╭─ Task input

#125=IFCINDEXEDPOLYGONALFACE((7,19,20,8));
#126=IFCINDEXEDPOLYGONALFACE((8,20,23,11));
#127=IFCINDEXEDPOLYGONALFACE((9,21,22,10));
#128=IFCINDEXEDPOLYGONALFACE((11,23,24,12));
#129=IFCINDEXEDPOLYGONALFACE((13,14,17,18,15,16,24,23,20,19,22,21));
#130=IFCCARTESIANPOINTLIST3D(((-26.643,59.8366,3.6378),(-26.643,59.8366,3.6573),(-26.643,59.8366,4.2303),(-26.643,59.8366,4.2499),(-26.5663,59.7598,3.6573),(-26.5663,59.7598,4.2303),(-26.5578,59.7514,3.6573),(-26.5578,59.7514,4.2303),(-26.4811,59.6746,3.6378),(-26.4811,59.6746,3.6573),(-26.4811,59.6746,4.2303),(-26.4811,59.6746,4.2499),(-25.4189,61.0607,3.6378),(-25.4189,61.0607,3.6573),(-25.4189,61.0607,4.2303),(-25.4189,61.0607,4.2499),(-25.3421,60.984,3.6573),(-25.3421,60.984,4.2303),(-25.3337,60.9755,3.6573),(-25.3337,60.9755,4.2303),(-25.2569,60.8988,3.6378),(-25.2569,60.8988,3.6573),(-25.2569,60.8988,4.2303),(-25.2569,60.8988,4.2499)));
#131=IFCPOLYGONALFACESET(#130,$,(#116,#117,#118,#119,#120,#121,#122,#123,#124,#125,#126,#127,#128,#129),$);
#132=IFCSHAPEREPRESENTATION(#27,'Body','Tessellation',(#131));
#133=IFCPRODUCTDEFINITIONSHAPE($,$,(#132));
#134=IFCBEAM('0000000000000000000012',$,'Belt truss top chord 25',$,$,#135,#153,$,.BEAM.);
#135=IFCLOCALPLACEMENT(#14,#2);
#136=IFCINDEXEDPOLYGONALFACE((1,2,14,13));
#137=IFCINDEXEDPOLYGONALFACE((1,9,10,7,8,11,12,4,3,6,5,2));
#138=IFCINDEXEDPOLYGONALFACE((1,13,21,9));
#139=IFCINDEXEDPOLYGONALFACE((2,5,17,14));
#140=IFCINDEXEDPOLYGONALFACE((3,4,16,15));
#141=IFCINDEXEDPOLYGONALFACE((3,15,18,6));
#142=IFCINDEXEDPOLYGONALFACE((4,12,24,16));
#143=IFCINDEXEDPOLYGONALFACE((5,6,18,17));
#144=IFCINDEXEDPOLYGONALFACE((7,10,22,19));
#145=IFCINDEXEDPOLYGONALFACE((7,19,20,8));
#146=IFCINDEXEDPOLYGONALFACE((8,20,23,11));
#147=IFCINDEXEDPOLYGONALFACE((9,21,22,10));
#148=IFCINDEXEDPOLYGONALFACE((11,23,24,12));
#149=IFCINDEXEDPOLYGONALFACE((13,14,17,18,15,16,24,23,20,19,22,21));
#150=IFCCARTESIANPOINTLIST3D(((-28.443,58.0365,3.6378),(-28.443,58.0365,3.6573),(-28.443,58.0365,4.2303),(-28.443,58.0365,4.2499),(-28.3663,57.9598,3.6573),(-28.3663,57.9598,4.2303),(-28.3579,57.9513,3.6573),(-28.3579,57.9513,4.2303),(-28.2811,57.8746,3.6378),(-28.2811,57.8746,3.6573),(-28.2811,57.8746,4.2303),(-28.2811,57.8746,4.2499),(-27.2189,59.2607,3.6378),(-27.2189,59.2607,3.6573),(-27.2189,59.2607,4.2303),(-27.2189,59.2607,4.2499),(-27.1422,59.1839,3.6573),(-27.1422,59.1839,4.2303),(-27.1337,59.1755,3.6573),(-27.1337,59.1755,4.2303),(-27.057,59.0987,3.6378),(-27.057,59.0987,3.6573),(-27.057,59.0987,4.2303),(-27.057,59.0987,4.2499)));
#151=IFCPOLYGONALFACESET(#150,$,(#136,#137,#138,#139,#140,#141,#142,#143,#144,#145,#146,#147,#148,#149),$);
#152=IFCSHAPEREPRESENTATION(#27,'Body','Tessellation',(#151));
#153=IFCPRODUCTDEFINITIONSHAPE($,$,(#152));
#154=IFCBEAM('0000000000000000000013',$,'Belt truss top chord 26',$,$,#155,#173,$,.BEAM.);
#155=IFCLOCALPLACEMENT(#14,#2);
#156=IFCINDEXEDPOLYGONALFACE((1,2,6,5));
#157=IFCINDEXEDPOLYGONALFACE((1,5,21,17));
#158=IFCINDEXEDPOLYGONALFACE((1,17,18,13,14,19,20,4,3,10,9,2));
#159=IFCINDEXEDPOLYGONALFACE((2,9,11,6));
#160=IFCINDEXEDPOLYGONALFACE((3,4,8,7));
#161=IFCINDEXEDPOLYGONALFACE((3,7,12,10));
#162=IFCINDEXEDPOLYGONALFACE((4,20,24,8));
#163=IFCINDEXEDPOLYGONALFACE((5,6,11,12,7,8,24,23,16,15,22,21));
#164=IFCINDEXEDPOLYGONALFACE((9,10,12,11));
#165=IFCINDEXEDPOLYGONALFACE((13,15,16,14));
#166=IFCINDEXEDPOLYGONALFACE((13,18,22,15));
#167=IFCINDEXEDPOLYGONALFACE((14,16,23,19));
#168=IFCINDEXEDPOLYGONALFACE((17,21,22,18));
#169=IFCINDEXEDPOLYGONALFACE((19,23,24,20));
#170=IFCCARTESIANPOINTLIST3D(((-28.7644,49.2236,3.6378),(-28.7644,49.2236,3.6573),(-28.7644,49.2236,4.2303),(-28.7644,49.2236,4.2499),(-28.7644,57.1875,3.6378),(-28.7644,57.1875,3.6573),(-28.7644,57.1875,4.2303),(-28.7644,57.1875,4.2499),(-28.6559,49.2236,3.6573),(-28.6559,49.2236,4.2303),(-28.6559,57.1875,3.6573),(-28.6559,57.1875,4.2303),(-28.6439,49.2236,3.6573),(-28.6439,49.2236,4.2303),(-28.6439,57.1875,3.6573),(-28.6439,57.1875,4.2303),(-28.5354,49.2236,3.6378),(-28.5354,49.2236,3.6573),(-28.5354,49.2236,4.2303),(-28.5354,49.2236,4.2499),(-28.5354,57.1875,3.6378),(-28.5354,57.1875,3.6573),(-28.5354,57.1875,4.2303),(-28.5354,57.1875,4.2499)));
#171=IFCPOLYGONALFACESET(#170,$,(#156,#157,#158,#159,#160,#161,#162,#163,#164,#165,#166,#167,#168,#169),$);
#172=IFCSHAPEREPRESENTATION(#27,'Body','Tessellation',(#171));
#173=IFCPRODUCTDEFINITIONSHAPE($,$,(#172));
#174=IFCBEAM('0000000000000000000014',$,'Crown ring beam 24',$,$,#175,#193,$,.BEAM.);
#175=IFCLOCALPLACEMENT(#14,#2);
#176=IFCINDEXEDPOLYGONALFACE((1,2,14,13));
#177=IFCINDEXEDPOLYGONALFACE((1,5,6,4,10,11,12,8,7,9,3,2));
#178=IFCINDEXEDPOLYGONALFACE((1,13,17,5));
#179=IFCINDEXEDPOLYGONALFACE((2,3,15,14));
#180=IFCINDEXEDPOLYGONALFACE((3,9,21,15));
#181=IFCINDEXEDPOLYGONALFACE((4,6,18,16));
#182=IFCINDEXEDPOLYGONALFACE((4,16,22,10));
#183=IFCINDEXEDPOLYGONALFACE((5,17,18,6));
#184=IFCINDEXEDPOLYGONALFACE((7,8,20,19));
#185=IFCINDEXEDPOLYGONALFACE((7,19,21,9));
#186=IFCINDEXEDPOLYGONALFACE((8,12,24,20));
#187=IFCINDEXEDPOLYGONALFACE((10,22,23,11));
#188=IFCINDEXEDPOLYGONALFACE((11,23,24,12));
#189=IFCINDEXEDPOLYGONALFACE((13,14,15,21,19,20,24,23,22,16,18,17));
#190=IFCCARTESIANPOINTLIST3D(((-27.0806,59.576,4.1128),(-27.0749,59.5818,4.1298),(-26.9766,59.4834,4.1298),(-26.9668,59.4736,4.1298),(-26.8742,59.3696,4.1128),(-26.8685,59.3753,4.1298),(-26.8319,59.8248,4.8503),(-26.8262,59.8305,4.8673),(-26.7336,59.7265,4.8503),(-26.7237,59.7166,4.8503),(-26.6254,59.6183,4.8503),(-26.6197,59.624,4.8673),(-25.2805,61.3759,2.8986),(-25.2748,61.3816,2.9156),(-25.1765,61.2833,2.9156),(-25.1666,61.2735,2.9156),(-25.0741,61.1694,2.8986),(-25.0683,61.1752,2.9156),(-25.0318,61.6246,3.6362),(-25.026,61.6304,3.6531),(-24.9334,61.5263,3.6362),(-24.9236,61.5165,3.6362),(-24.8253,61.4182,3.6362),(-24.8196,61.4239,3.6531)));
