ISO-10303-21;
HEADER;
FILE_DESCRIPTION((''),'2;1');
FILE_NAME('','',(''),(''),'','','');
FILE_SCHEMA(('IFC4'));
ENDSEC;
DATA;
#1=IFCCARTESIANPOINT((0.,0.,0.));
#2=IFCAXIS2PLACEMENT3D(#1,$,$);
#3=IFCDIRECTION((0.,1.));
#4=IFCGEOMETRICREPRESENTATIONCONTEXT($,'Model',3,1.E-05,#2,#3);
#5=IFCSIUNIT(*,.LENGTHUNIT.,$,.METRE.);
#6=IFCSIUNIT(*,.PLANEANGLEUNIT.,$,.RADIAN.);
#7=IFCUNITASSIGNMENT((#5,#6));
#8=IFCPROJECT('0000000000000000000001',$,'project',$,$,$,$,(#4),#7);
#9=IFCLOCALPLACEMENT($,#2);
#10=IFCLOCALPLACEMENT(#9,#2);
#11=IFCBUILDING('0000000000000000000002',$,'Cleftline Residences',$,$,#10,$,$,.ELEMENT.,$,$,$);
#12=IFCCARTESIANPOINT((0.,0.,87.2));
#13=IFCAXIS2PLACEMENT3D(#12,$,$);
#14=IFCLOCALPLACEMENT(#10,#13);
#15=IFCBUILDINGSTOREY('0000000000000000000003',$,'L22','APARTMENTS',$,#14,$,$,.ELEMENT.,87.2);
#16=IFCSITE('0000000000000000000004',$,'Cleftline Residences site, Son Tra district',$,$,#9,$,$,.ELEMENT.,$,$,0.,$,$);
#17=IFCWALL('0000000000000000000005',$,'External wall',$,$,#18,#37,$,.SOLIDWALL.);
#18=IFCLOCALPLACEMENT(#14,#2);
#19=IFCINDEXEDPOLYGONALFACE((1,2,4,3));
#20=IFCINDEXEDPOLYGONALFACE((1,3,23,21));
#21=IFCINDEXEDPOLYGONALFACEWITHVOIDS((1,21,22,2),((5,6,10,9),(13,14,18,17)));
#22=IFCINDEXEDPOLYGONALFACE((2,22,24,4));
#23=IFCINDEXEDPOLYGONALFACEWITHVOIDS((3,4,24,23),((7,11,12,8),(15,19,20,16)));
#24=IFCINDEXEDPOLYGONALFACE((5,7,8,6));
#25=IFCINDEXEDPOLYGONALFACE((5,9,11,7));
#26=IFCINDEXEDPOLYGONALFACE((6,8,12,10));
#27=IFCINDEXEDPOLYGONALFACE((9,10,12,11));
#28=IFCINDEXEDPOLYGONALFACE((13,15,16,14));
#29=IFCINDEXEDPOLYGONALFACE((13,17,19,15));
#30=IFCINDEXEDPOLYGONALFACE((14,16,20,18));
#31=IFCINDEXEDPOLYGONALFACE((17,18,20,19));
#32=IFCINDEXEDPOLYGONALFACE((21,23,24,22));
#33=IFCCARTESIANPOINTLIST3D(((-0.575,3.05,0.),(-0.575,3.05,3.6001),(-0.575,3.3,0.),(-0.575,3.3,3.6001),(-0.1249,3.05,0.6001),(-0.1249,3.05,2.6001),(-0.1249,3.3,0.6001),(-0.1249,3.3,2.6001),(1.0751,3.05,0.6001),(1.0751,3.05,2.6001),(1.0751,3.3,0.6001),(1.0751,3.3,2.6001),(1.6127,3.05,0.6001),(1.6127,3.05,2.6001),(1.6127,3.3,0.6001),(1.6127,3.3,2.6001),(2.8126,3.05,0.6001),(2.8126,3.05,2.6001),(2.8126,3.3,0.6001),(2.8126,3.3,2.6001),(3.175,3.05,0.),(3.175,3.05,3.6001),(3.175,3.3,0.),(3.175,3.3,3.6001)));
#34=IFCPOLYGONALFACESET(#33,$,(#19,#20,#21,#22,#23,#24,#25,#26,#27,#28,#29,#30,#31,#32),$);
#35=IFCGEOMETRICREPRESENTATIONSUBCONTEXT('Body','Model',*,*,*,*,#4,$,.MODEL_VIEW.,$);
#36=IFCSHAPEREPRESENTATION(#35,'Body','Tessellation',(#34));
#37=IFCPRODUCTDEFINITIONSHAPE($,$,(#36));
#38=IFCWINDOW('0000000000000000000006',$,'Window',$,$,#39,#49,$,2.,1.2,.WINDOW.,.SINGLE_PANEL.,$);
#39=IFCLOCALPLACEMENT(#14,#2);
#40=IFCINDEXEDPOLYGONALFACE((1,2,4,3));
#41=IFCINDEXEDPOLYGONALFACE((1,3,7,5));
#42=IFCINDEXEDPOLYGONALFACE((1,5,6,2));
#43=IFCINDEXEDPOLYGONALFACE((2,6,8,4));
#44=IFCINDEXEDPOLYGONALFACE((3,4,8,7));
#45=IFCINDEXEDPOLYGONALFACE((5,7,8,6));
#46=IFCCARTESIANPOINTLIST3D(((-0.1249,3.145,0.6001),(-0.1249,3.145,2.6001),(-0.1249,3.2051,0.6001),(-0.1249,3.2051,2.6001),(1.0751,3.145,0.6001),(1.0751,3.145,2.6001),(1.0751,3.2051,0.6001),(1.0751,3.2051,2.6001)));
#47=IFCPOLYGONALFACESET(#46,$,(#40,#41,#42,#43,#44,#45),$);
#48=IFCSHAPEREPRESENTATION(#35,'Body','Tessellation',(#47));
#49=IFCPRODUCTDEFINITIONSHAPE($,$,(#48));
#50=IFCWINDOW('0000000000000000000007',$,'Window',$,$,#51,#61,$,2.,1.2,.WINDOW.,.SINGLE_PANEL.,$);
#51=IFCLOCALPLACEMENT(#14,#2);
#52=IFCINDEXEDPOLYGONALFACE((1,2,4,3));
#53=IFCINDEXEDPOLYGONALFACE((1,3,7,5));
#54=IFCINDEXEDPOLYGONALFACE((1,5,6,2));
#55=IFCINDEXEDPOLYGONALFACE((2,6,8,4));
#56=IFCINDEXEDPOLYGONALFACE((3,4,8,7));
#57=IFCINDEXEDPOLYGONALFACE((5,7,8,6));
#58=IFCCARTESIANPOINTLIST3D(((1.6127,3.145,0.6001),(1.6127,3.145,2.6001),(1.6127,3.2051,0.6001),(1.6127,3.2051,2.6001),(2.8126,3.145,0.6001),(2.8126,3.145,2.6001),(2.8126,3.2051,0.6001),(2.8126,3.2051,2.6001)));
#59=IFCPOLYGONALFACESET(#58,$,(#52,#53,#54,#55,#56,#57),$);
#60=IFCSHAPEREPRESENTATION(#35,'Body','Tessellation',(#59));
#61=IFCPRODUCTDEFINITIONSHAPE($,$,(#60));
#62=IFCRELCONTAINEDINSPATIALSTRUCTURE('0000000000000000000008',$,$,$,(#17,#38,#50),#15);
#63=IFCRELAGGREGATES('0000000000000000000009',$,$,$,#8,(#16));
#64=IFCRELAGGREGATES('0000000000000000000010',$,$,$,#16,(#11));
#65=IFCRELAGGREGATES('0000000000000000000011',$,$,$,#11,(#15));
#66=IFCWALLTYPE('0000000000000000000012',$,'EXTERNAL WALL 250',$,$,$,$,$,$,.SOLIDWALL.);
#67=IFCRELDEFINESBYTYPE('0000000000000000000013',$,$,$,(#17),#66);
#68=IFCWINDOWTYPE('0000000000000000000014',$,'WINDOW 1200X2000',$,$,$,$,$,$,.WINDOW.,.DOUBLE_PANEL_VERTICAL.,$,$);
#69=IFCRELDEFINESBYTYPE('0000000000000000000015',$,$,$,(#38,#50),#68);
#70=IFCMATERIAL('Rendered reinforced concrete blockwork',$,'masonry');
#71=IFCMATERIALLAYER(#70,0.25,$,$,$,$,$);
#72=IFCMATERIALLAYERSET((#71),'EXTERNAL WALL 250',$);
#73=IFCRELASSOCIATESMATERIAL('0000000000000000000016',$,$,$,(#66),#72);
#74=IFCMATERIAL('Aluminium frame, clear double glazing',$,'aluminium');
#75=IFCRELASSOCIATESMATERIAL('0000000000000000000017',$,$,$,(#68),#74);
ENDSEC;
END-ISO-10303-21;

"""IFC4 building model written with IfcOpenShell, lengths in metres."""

from ifc_helpers import new_model, si_unit, direction, frame, frame_2d, origin, place, context, subcontext, project, spatial, rectangle, extrude, material, layer, layer_set, type_object, element, fill, save


model = new_model("IFC4")

# Units and contexts
model_context = context("Model", 3, precision=1e-05, world=origin(), true_north=direction((0.0, 1.0)))
body_context = subcontext(model_context, "Body", "Model", "MODEL_VIEW")
ifc_project = project(units=[si_unit("LENGTHUNIT", "METRE"), si_unit("PLANEANGLEUNIT", "RADIAN")], contexts=[model_context])

# Site, building, storey
site_placement = place(None, origin())
site = spatial("IfcSite", under=ifc_project, at=site_placement, Name="Cleftline Residences site, Son Tra district", CompositionType="ELEMENT", RefElevation=0.0)
building_placement = place(site_placement, origin())
building = spatial("IfcBuilding", under=site, at=building_placement, Name="Cleftline Residences", CompositionType="ELEMENT")
storey_placement = place(building_placement, frame((0.0, 0.0, 87.2)))
storey = spatial("IfcBuildingStorey", under=building, at=storey_placement, Name="L22", Description="APARTMENTS", CompositionType="ELEMENT", Elevation=87.2)

# Wall, openings, windows
ifc_material_1 = material(Name="Rendered reinforced concrete blockwork", Category="masonry")
ifc_layer_1 = layer(ifc_material_1, 0.25)
ifc_layer_set_1 = layer_set([ifc_layer_1], Name="EXTERNAL WALL 250")
wall_type = type_object("IfcWallType", Name="EXTERNAL WALL 250", PredefinedType="SOLIDWALL", material=ifc_layer_set_1)
wall_placement = place(storey_placement, frame((-0.575, 3.175, 0.0), z_axis=(0.0, 0.0, 1.0), x_axis=(1.0, 0.0, 0.0)))
wall = element("IfcWall", 1, at=wall_placement, inside=storey, type_object=wall_type, Name="External wall", PredefinedType="SOLIDWALL", context=body_context, shape_type="SweptSolid", body=[
    extrude(rectangle(XDim=3.75, YDim=0.25, at=frame_2d((1.875, 0.0))), origin(), (0.0, 0.0, 1.0), 3.6001),
])
opening_1_placement = place(wall_placement, frame((0.45, 0.0, 0.6001)))
opening_1 = element("IfcOpeningElement", 2, at=opening_1_placement, cuts=wall, PredefinedType="OPENING", context=body_context, shape_type="SweptSolid", body=[
    extrude(rectangle(XDim=1.2, YDim=2.0, at=frame_2d((0.6001, 1.0))), frame((0.0, 0.135, 0.0), z_axis=(0.0, -1.0, 0.0), x_axis=(1.0, 0.0, 0.0)), (0.0, 0.0, 1.0), 0.27),
])
opening_2_placement = place(wall_placement, frame((2.1875, 0.0, 0.6001)))
opening_2 = element("IfcOpeningElement", 3, at=opening_2_placement, cuts=wall, PredefinedType="OPENING", context=body_context, shape_type="SweptSolid", body=[
    extrude(rectangle(XDim=1.2, YDim=2.0, at=frame_2d((0.6001, 1.0))), frame((0.0, 0.135, 0.0), z_axis=(0.0, -1.0, 0.0), x_axis=(1.0, 0.0, 0.0)), (0.0, 0.0, 1.0), 0.27),
])
ifc_material_2 = material(Name="Aluminium frame, clear double glazing", Category="aluminium")
window_type = type_object("IfcWindowType", Name="WINDOW 1200X2000", PartitioningType="DOUBLE_PANEL_VERTICAL", PredefinedType="WINDOW", material=ifc_material_2)
window_1_placement = place(opening_1_placement, origin())
window_1 = element("IfcWindow", 4, at=window_1_placement, inside=storey, type_object=window_type, Name="Window", OverallHeight=2.0, OverallWidth=1.2, PartitioningType="SINGLE_PANEL", PredefinedType="WINDOW", context=body_context, shape_type="SweptSolid", body=[
    extrude(rectangle(XDim=1.2, YDim=2.0, at=frame_2d((0.6001, 1.0))), frame((0.0, 0.03, 0.0), z_axis=(0.0, -1.0, 0.0), x_axis=(1.0, 0.0, 0.0)), (0.0, 0.0, 1.0), 0.0601),
])
fill(opening_1, window_1)
window_2_placement = place(opening_2_placement, origin())
window_2 = element("IfcWindow", 5, at=window_2_placement, inside=storey, type_object=window_type, Name="Window", OverallHeight=2.0, OverallWidth=1.2, PartitioningType="SINGLE_PANEL", PredefinedType="WINDOW", context=body_context, shape_type="SweptSolid", body=[
    extrude(rectangle(XDim=1.2, YDim=2.0, at=frame_2d((0.6001, 1.0))), frame((0.0, 0.03, 0.0), z_axis=(0.0, -1.0, 0.0), x_axis=(1.0, 0.0, 0.0)), (0.0, 0.0, 1.0), 0.0601),
])
fill(opening_2, window_2)

save(model, "model.ifc")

╰─

What is needed is the number of lines in these entries that include the word "Belt"; please give it alone.

2